Your response should consist solely of the lines from the one containing "world=origin(), true_north=direction((0.0, 1.0)))" through the final line of the entries, repeated exactly.

Data supplied START

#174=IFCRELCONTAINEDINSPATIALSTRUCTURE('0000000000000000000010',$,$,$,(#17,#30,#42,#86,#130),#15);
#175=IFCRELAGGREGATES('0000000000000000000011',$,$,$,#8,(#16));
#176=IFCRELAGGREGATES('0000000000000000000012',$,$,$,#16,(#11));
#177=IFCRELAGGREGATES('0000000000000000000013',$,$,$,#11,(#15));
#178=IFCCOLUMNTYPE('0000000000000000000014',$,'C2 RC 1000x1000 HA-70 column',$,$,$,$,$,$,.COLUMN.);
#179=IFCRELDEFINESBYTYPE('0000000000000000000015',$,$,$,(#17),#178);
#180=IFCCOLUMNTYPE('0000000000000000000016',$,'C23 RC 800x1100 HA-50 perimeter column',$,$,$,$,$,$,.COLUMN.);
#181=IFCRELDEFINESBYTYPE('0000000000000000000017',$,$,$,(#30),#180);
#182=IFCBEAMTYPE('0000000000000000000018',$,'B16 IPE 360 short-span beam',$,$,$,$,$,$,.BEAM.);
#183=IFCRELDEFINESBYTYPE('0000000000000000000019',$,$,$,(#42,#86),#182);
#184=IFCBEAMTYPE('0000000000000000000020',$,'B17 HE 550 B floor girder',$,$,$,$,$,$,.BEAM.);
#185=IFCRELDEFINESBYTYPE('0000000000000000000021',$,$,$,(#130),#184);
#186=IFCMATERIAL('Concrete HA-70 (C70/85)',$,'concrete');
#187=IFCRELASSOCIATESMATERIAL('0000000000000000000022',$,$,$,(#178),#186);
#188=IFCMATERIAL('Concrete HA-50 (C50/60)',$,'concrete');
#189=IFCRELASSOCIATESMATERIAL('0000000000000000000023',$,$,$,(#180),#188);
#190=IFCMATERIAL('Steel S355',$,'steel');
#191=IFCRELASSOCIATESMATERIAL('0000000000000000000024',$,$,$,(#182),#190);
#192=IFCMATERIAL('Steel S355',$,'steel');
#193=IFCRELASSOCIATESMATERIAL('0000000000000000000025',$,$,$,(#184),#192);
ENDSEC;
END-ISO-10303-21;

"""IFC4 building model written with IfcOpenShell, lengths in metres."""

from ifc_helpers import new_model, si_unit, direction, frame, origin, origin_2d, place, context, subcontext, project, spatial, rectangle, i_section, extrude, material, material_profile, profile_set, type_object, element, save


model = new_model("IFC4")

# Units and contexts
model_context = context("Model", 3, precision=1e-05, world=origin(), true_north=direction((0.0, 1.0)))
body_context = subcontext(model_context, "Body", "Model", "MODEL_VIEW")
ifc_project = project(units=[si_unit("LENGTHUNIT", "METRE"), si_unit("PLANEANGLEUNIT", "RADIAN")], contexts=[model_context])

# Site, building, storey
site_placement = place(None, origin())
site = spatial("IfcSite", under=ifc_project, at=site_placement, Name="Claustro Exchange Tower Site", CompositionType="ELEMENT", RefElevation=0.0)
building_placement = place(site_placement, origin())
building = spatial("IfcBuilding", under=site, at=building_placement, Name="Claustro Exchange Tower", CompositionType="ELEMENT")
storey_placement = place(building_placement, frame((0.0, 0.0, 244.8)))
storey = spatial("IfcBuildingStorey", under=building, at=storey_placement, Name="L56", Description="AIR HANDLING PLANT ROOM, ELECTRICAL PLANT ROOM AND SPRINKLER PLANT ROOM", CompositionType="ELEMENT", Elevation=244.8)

Data supplied END

Exercise solution:
model_context = context("Model", 3, precision=1e-05, world=origin(), true_north=direction((0.0, 1.0)))
body_context = subcontext(model_context, "Body", "Model", "MODEL_VIEW")
ifc_project = project(units=[si_unit("LENGTHUNIT", "METRE"), si_unit("PLANEANGLEUNIT", "RADIAN")], contexts=[model_context])

# Site, building, storey
site_placement = place(None, origin())
site = spatial("IfcSite", under=ifc_project, at=site_placement, Name="Claustro Exchange Tower Site", CompositionType="ELEMENT", RefElevation=0.0)
building_placement = place(site_placement, origin())
building = spatial("IfcBuilding", under=site, at=building_placement, Name="Claustro Exchange Tower", CompositionType="ELEMENT")
storey_placement = place(building_placement, frame((0.0, 0.0, 244.8)))
storey = spatial("IfcBuildingStorey", under=building, at=storey_placement, Name="L56", Description="AIR HANDLING PLANT ROOM, ELECTRICAL PLANT ROOM AND SPRINKLER PLANT ROOM", CompositionType="ELEMENT", Elevation=244.8)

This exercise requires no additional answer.